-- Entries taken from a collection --
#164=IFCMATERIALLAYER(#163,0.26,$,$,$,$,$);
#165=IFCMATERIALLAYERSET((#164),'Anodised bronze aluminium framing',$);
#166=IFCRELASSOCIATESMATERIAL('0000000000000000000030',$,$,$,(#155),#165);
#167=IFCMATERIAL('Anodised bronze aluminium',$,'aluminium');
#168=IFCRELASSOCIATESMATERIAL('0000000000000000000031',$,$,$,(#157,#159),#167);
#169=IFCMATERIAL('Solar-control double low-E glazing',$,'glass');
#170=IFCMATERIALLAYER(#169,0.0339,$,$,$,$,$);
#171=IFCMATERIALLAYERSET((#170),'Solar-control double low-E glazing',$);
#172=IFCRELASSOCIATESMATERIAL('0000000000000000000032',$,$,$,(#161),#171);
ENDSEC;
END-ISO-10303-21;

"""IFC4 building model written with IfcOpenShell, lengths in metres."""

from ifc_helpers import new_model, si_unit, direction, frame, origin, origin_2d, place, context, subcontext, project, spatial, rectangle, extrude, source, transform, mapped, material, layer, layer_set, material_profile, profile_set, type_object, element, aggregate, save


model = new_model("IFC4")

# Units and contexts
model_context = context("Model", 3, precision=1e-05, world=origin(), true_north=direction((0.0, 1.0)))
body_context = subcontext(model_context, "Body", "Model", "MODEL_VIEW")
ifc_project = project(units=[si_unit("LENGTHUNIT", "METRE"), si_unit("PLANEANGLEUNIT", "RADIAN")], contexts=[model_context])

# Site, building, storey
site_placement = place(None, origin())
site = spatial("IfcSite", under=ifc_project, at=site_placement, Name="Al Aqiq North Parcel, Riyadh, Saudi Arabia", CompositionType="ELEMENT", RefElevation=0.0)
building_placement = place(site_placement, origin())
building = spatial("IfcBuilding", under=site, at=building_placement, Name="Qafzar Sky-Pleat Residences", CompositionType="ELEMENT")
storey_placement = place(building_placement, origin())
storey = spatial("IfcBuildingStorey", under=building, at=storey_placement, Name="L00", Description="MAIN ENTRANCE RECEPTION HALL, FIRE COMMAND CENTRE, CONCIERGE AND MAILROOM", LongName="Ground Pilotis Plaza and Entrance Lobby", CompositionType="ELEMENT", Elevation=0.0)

-- EXERCISE GOAL --
Could you reproduce, exactly, every line above from the line with "building model written" to the line with "site_placement = place(None, origin())", and no other line? Both ends count.

-- EXERCISE OUTPUT --
"""IFC4 building model written with IfcOpenShell, lengths in metres."""

from ifc_helpers import new_model, si_unit, direction, frame, origin, origin_2d, place, context, subcontext, project, spatial, rectangle, extrude, source, transform, mapped, material, layer, layer_set, material_profile, profile_set, type_object, element, aggregate, save


model = new_model("IFC4")

# Units and contexts
model_context = context("Model", 3, precision=1e-05, world=origin(), true_north=direction((0.0, 1.0)))
body_context = subcontext(model_context, "Body", "Model", "MODEL_VIEW")
ifc_project = project(units=[si_unit("LENGTHUNIT", "METRE"), si_unit("PLANEANGLEUNIT", "RADIAN")], contexts=[model_context])

# Site, building, storey
site_placement = place(None, origin())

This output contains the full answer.